━━ Listed records ━━
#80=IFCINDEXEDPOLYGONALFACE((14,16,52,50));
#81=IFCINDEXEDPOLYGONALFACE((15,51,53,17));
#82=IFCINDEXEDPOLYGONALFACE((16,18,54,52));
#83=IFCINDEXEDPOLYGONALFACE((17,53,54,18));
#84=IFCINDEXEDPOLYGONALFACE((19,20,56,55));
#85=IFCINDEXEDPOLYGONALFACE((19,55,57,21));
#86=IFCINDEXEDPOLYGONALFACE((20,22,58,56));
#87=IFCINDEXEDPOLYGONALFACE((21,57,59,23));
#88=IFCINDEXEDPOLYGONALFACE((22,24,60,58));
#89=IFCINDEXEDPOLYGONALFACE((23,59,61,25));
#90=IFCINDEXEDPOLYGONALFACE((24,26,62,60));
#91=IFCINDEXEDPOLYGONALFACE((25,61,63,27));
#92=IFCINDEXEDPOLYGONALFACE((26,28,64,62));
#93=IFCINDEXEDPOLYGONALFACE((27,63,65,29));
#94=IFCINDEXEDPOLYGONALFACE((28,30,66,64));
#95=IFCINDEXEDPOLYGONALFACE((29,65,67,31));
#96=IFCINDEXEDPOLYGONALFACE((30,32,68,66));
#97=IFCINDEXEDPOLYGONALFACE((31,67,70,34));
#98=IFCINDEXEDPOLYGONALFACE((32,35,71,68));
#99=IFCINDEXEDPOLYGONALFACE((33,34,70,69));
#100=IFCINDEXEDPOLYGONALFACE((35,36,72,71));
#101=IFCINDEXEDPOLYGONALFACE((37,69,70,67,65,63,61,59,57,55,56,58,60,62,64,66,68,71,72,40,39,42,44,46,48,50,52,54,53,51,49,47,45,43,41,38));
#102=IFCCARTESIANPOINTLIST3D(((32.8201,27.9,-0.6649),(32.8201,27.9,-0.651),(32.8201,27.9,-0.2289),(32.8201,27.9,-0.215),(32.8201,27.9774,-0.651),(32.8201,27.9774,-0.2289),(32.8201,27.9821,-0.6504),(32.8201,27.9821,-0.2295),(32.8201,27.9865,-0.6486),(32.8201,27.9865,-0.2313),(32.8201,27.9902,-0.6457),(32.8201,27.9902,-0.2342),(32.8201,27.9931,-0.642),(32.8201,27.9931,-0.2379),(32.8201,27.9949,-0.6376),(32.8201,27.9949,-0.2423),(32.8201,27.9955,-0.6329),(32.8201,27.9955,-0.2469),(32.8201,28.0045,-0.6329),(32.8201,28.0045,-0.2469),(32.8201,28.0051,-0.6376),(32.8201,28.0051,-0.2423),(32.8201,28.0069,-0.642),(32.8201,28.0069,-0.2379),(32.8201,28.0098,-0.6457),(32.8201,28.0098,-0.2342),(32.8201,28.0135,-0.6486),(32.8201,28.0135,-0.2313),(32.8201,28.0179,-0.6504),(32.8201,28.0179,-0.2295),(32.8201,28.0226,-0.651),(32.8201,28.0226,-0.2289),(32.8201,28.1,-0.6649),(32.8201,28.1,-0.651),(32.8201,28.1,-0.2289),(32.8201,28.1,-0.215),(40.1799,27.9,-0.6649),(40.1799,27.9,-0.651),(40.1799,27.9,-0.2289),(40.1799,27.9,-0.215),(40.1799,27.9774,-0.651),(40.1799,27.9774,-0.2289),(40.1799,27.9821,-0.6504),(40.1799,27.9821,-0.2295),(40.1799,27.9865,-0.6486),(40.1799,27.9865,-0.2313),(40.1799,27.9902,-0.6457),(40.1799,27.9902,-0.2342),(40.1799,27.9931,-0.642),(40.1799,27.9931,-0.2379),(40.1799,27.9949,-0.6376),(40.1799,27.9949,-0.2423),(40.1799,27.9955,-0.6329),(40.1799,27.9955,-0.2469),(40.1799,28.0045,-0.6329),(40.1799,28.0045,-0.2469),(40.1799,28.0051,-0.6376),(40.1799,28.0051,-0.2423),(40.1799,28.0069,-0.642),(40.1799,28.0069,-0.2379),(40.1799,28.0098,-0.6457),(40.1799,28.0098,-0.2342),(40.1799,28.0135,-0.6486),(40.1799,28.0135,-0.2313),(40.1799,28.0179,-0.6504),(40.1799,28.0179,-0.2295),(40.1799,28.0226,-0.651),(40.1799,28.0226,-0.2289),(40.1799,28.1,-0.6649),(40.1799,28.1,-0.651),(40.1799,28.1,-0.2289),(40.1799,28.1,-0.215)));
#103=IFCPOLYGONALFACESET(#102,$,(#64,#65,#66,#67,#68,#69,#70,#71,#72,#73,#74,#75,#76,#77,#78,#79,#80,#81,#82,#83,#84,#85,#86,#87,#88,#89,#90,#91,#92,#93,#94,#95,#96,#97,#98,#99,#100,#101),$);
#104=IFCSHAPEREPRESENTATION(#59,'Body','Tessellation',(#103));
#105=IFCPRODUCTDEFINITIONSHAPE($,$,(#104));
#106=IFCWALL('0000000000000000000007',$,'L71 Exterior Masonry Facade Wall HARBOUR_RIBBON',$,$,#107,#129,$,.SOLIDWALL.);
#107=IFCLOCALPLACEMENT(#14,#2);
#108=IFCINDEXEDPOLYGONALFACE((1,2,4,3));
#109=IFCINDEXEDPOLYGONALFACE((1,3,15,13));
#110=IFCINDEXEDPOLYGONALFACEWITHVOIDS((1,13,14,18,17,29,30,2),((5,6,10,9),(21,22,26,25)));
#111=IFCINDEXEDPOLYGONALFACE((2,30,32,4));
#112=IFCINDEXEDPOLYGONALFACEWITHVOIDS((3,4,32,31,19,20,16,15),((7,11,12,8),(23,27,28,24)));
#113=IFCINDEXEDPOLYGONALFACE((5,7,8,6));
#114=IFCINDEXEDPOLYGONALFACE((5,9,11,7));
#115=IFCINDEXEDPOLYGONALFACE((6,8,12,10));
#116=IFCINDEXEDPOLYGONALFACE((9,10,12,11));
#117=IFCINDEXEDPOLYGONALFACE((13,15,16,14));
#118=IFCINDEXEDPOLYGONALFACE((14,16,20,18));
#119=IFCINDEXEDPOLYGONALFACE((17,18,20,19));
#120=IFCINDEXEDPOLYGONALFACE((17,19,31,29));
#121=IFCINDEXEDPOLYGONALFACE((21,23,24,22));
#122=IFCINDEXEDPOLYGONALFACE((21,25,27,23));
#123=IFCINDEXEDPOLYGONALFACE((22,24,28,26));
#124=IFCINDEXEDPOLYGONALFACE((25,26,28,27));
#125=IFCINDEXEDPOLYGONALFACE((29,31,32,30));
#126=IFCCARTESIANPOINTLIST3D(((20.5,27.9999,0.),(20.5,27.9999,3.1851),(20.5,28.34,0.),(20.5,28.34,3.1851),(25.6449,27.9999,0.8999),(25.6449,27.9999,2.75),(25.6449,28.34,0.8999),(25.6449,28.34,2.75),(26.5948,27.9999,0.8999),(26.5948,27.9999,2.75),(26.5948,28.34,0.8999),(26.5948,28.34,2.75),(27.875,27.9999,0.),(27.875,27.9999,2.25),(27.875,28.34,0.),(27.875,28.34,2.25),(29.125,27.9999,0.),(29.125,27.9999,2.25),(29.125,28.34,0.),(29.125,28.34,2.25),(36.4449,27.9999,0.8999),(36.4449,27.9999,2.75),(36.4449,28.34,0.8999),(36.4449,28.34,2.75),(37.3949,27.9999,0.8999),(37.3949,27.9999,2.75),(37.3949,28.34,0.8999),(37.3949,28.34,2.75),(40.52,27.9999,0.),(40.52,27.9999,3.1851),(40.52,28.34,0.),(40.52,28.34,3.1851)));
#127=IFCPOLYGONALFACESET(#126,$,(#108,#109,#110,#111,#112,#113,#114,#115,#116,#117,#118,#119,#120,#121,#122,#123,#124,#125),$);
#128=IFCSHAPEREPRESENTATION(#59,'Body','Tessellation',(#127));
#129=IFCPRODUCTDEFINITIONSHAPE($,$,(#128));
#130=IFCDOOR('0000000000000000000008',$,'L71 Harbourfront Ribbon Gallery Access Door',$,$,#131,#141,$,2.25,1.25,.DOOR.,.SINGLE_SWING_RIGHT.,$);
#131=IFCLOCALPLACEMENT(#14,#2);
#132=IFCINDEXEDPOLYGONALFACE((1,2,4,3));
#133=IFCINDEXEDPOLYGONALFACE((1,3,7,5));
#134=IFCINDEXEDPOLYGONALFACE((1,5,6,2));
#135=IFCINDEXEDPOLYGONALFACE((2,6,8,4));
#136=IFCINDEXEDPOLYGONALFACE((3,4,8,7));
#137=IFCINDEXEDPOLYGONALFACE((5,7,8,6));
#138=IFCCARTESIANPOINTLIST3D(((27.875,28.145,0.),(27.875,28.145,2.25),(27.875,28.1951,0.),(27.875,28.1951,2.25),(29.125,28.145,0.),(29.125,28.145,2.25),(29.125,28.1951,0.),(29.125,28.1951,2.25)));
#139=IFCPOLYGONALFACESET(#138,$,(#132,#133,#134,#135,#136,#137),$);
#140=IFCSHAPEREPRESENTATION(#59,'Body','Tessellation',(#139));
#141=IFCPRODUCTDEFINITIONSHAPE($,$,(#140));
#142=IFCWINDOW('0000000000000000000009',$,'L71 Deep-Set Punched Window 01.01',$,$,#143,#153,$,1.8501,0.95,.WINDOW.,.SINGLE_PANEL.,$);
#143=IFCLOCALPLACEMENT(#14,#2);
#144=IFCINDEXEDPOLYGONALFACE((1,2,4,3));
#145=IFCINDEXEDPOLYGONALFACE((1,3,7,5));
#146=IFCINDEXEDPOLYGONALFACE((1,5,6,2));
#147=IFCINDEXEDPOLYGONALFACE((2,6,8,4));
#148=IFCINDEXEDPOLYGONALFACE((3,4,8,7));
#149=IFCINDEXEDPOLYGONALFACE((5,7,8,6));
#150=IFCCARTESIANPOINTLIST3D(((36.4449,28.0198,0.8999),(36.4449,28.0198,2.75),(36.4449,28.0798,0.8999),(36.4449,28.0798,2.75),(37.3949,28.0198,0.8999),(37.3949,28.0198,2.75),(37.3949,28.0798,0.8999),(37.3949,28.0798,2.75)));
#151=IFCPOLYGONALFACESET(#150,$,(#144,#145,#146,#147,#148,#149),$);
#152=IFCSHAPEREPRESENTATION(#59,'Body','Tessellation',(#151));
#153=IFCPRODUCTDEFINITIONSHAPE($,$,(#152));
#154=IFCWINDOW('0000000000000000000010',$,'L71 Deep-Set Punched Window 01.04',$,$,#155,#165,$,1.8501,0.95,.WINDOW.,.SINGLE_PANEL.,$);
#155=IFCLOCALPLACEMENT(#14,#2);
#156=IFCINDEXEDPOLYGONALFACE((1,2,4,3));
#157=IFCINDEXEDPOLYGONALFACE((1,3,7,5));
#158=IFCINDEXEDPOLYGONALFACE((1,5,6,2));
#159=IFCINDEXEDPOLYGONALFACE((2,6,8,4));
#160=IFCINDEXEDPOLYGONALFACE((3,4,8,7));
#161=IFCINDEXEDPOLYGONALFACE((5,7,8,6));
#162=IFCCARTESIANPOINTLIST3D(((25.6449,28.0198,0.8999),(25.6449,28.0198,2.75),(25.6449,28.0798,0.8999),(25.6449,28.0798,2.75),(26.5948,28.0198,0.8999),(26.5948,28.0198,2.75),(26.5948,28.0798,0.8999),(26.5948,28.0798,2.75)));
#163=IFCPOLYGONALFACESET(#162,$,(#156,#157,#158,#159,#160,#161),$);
━━━
=== Required action ===
All that is needed is the opening run of the data, given again exactly: please include every line from the first through the line with "#98=IFCINDEXEDPOLYGONALFACE((32,35,71,68));", both ends kept.

=== Answer for the task ===
#80=IFCINDEXEDPOLYGONALFACE((14,16,52,50));
#81=IFCINDEXEDPOLYGONALFACE((15,51,53,17));
#82=IFCINDEXEDPOLYGONALFACE((16,18,54,52));
#83=IFCINDEXEDPOLYGONALFACE((17,53,54,18));
#84=IFCINDEXEDPOLYGONALFACE((19,20,56,55));
#85=IFCINDEXEDPOLYGONALFACE((19,55,57,21));
#86=IFCINDEXEDPOLYGONALFACE((20,22,58,56));
#87=IFCINDEXEDPOLYGONALFACE((21,57,59,23));
#88=IFCINDEXEDPOLYGONALFACE((22,24,60,58));
#89=IFCINDEXEDPOLYGONALFACE((23,59,61,25));
#90=IFCINDEXEDPOLYGONALFACE((24,26,62,60));
#91=IFCINDEXEDPOLYGONALFACE((25,61,63,27));
#92=IFCINDEXEDPOLYGONALFACE((26,28,64,62));
#93=IFCINDEXEDPOLYGONALFACE((27,63,65,29));
#94=IFCINDEXEDPOLYGONALFACE((28,30,66,64));
#95=IFCINDEXEDPOLYGONALFACE((29,65,67,31));
#96=IFCINDEXEDPOLYGONALFACE((30,32,68,66));
#97=IFCINDEXEDPOLYGONALFACE((31,67,70,34));
#98=IFCINDEXEDPOLYGONALFACE((32,35,71,68));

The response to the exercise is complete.